[Exercise description]: Look through the listing below and report the lines that have the word "RefElevation" in them.

[Data provided]:
════

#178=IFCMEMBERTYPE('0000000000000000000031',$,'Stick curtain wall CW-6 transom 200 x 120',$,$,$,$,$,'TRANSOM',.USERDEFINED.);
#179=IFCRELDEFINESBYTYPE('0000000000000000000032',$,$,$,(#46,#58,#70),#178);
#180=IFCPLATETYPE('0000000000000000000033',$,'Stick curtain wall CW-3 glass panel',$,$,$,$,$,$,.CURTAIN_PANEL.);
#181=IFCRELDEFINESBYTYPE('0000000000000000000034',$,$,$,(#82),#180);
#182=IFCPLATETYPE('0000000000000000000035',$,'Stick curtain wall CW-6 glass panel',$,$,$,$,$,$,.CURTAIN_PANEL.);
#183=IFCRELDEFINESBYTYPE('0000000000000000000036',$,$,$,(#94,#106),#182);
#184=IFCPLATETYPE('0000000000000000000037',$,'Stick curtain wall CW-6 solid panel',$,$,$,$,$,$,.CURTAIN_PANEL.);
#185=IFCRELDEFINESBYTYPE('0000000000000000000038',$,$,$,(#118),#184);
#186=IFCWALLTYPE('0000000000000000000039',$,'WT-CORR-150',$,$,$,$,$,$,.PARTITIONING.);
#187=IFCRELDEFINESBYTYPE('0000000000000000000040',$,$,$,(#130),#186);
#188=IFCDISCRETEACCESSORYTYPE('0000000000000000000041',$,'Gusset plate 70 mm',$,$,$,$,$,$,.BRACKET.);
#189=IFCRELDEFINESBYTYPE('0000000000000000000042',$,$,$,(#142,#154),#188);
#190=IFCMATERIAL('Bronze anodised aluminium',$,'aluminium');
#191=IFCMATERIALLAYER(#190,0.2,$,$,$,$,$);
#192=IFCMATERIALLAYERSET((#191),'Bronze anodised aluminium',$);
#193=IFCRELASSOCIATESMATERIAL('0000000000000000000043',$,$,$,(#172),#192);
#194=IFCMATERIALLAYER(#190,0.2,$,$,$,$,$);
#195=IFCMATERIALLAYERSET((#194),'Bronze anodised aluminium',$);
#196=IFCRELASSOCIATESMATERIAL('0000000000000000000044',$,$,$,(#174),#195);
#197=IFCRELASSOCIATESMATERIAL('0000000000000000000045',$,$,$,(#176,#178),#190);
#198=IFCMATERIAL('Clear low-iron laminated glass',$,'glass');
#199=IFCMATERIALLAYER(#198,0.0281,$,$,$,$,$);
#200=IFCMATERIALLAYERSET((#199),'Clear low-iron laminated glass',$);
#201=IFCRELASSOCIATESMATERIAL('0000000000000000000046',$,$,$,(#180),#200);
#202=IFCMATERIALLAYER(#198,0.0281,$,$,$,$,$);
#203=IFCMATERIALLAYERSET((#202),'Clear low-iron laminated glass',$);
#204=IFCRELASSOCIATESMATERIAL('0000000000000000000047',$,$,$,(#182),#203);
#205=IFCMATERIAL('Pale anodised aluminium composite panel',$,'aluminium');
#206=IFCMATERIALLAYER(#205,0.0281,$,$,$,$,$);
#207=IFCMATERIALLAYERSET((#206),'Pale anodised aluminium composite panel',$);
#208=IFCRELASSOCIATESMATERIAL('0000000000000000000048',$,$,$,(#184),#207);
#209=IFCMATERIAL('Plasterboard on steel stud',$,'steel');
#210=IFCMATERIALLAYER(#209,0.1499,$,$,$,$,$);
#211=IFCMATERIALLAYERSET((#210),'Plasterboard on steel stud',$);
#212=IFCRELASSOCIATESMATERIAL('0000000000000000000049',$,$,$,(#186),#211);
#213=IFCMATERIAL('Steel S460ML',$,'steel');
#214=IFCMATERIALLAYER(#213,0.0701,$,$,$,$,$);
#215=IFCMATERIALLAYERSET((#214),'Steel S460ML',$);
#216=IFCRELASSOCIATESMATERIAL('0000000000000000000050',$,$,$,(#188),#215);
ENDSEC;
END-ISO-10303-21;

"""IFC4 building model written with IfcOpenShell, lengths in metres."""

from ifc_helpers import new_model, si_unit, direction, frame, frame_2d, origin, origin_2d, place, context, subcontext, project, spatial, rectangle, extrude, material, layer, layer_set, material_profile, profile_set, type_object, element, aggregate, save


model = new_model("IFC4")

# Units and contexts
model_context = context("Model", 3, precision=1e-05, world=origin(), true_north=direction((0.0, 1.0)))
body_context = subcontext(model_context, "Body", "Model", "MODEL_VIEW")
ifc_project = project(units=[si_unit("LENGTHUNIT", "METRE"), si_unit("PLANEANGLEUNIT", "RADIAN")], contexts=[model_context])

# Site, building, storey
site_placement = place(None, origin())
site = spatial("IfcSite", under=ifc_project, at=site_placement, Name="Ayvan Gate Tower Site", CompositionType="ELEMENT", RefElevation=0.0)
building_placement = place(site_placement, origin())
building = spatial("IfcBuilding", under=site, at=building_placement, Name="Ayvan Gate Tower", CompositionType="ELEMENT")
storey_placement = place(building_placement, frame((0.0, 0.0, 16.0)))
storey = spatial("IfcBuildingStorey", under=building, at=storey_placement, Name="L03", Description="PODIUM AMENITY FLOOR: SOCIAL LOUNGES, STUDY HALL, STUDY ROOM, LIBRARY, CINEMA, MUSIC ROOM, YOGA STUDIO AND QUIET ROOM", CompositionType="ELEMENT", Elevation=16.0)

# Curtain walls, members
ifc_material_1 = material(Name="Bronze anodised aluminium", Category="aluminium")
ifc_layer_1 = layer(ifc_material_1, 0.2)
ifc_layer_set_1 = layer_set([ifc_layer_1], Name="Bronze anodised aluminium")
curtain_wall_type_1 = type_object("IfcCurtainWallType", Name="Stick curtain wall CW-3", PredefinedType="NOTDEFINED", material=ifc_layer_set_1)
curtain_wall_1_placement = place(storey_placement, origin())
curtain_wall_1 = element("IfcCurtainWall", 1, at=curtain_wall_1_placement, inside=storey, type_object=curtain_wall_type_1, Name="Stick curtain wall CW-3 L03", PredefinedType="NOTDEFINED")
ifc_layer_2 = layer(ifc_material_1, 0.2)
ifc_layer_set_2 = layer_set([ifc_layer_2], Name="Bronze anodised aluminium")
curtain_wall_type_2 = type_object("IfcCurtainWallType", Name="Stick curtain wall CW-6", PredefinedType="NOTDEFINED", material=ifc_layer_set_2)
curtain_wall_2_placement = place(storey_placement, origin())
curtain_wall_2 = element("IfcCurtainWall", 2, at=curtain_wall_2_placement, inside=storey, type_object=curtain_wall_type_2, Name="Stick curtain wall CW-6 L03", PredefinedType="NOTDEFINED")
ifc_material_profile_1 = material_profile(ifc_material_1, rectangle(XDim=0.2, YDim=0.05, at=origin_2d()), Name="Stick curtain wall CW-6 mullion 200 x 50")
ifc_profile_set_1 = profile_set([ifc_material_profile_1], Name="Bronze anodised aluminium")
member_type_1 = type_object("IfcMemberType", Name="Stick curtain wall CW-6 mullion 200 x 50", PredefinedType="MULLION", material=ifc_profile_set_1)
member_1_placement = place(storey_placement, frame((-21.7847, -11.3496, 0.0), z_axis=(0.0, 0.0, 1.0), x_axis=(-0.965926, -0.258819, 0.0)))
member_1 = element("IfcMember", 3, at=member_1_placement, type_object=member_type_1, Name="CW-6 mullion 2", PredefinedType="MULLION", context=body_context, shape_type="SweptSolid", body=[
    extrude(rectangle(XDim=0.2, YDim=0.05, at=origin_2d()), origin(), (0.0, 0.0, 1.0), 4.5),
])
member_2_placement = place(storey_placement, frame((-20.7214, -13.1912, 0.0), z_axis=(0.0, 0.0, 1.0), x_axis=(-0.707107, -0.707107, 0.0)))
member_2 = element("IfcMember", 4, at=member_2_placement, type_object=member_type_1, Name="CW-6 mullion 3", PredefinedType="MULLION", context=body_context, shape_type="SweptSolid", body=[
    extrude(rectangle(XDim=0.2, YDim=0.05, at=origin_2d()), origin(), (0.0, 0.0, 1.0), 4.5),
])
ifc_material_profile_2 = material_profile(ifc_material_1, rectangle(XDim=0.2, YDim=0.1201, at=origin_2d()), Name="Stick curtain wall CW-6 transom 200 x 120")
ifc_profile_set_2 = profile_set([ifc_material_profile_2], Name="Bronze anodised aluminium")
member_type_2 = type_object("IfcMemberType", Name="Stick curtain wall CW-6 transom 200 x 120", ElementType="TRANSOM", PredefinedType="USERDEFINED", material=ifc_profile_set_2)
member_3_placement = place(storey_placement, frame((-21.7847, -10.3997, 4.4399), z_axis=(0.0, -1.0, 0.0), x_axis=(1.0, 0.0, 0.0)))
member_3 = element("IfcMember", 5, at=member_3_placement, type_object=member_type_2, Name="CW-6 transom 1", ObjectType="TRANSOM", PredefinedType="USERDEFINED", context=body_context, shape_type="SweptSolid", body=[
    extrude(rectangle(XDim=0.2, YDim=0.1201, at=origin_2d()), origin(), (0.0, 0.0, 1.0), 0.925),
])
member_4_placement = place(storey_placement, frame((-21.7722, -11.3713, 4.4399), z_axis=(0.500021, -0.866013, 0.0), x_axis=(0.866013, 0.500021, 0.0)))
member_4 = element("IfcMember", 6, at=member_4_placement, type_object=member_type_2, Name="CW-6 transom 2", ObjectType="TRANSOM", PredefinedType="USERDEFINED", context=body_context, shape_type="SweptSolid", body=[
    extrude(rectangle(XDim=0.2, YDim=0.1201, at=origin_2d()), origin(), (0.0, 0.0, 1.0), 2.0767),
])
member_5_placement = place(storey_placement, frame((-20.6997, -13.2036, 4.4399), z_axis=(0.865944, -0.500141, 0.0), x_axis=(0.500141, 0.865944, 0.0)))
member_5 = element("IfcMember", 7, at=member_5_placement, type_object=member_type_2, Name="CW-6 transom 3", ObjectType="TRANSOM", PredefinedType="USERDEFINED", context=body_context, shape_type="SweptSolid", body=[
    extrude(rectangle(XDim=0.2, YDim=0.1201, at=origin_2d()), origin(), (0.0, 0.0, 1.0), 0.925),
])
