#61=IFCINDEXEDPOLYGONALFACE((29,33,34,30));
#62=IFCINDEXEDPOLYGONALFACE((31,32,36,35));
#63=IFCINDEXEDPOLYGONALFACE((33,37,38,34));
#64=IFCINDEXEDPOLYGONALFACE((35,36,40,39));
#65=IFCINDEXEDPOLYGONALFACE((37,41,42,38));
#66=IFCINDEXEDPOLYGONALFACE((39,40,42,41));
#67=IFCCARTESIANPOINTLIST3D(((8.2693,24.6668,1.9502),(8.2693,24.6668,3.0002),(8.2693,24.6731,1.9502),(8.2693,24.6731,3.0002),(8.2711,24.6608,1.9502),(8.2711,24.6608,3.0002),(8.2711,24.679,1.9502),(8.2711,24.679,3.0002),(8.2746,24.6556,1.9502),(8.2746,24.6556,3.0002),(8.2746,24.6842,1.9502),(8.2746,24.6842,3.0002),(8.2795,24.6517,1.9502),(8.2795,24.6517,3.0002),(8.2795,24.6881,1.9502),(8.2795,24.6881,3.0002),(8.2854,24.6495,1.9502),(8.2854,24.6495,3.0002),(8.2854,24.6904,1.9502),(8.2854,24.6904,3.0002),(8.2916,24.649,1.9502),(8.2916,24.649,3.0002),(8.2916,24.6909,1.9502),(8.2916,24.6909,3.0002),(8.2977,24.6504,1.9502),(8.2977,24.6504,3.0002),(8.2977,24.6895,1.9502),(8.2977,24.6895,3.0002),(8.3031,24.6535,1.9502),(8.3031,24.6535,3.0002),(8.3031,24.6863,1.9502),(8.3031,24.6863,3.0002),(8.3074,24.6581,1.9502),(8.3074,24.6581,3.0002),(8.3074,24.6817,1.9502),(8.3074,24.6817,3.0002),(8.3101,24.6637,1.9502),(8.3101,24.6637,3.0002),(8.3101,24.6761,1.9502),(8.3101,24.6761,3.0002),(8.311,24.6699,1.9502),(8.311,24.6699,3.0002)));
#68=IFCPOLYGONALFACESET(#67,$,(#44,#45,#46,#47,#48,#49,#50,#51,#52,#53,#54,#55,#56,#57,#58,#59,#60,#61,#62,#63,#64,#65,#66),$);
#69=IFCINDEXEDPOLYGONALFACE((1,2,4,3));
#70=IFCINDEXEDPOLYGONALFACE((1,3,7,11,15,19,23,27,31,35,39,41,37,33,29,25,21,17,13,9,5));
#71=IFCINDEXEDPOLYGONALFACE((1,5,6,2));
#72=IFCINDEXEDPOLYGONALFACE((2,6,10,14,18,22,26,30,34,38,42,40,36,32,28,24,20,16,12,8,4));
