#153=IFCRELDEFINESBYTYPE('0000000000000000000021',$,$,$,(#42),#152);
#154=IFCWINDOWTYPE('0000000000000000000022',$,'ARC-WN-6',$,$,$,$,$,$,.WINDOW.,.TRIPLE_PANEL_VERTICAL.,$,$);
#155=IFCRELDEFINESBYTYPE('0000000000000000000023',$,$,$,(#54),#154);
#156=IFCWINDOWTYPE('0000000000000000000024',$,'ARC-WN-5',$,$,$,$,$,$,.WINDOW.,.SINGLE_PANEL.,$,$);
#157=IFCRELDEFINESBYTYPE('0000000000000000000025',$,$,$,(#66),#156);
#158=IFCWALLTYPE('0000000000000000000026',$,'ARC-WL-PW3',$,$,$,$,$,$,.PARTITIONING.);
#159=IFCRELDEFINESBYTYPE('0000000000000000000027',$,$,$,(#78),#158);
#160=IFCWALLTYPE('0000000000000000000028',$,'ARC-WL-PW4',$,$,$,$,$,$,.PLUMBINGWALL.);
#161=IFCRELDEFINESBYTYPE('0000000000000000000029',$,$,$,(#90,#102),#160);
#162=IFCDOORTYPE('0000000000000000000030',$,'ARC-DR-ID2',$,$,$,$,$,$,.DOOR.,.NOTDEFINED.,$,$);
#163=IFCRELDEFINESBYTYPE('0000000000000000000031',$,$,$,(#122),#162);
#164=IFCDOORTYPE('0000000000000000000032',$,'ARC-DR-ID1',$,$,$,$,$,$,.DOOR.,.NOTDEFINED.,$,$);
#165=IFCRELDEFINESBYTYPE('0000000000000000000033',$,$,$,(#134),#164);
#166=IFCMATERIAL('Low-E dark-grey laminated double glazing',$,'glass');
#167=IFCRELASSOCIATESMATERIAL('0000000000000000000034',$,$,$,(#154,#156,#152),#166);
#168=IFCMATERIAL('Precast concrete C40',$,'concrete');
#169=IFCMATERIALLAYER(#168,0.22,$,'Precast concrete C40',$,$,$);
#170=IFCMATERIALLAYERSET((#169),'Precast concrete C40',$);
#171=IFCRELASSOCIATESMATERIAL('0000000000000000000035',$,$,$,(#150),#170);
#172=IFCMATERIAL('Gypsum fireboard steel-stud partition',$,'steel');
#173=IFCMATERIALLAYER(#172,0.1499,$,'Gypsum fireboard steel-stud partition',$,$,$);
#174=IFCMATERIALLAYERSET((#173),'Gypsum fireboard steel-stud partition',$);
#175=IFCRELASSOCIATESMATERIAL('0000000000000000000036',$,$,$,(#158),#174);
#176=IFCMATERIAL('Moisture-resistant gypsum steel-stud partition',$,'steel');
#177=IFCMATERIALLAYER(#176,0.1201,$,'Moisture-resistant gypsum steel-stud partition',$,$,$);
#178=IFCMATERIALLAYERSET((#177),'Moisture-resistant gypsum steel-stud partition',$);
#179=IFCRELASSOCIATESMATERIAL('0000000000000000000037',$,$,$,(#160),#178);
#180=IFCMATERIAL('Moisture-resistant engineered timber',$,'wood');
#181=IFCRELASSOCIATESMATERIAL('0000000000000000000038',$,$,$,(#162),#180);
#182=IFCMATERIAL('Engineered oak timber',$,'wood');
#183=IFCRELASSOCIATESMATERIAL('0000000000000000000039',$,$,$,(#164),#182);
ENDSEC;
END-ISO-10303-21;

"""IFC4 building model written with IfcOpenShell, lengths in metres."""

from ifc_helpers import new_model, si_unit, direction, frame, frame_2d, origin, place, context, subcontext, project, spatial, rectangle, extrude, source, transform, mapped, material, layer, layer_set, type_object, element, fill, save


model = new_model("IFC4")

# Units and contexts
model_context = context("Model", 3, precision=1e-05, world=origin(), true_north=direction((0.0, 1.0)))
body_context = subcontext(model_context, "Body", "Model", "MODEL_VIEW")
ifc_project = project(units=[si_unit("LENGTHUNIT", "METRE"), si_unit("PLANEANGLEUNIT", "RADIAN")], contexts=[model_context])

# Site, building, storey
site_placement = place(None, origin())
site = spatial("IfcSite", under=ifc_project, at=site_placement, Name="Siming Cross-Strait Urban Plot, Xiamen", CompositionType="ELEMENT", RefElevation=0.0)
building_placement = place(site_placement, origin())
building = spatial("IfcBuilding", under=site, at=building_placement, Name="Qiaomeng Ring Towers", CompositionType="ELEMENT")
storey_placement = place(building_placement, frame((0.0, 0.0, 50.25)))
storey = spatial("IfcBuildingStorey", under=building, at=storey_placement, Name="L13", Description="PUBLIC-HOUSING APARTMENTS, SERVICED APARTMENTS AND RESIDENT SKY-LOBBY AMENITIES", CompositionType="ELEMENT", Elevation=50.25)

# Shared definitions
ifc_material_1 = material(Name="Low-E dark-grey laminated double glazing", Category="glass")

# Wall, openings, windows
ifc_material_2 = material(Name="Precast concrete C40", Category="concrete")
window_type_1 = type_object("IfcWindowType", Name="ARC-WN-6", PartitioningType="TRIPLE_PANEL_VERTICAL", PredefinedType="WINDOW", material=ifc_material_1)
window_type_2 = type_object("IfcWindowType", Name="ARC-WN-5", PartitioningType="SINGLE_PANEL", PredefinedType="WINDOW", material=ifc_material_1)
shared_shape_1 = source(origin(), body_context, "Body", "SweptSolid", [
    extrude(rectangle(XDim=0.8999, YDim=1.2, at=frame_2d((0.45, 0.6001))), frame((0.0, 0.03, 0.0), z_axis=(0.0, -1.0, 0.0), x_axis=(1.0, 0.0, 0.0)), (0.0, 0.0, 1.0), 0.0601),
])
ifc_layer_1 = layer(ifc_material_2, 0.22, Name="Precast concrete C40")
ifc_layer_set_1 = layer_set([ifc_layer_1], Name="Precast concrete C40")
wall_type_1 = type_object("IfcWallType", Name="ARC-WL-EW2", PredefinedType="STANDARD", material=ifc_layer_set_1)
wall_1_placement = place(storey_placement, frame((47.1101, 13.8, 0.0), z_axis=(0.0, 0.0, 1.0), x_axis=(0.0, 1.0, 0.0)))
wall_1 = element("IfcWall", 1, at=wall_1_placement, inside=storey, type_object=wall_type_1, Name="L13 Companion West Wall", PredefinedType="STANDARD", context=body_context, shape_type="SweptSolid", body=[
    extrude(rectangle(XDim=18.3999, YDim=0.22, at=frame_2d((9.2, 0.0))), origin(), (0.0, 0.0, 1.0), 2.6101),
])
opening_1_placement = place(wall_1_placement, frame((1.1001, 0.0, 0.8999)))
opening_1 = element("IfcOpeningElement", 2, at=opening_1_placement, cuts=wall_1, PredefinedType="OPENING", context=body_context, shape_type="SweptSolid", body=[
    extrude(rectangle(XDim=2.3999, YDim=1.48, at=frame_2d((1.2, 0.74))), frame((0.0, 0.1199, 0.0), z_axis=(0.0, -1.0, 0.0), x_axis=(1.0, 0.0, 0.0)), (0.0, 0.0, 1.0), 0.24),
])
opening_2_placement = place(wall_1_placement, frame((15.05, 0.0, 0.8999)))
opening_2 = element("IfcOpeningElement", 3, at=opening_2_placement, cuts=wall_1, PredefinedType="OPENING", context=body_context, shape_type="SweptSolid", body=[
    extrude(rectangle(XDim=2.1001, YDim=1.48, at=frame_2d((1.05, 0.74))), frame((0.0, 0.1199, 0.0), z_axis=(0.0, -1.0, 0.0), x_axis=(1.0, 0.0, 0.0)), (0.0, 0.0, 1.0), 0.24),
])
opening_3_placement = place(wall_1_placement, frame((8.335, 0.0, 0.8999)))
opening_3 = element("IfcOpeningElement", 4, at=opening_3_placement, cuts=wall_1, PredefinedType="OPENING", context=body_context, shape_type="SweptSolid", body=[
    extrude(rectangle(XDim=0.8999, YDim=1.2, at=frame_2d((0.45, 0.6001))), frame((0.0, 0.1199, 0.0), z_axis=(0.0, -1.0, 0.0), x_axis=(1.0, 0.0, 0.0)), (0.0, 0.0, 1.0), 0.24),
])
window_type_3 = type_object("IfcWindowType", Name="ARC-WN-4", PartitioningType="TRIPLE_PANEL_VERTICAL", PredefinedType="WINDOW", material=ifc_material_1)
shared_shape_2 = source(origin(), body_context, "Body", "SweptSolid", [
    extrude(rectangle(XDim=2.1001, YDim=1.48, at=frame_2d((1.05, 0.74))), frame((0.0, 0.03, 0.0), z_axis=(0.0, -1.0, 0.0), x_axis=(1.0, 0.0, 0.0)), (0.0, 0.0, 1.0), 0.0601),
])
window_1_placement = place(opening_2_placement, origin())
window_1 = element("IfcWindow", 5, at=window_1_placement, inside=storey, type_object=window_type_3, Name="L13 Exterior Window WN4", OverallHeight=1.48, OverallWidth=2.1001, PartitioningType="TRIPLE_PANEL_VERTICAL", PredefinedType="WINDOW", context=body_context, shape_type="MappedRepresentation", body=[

════

[Solution]:
site = spatial("IfcSite", under=ifc_project, at=site_placement, Name="Ayvan Gate Tower Site", CompositionType="ELEMENT", RefElevation=0.0)
site = spatial("IfcSite", under=ifc_project, at=site_placement, Name="Siming Cross-Strait Urban Plot, Xiamen", CompositionType="ELEMENT", RefElevation=0.0)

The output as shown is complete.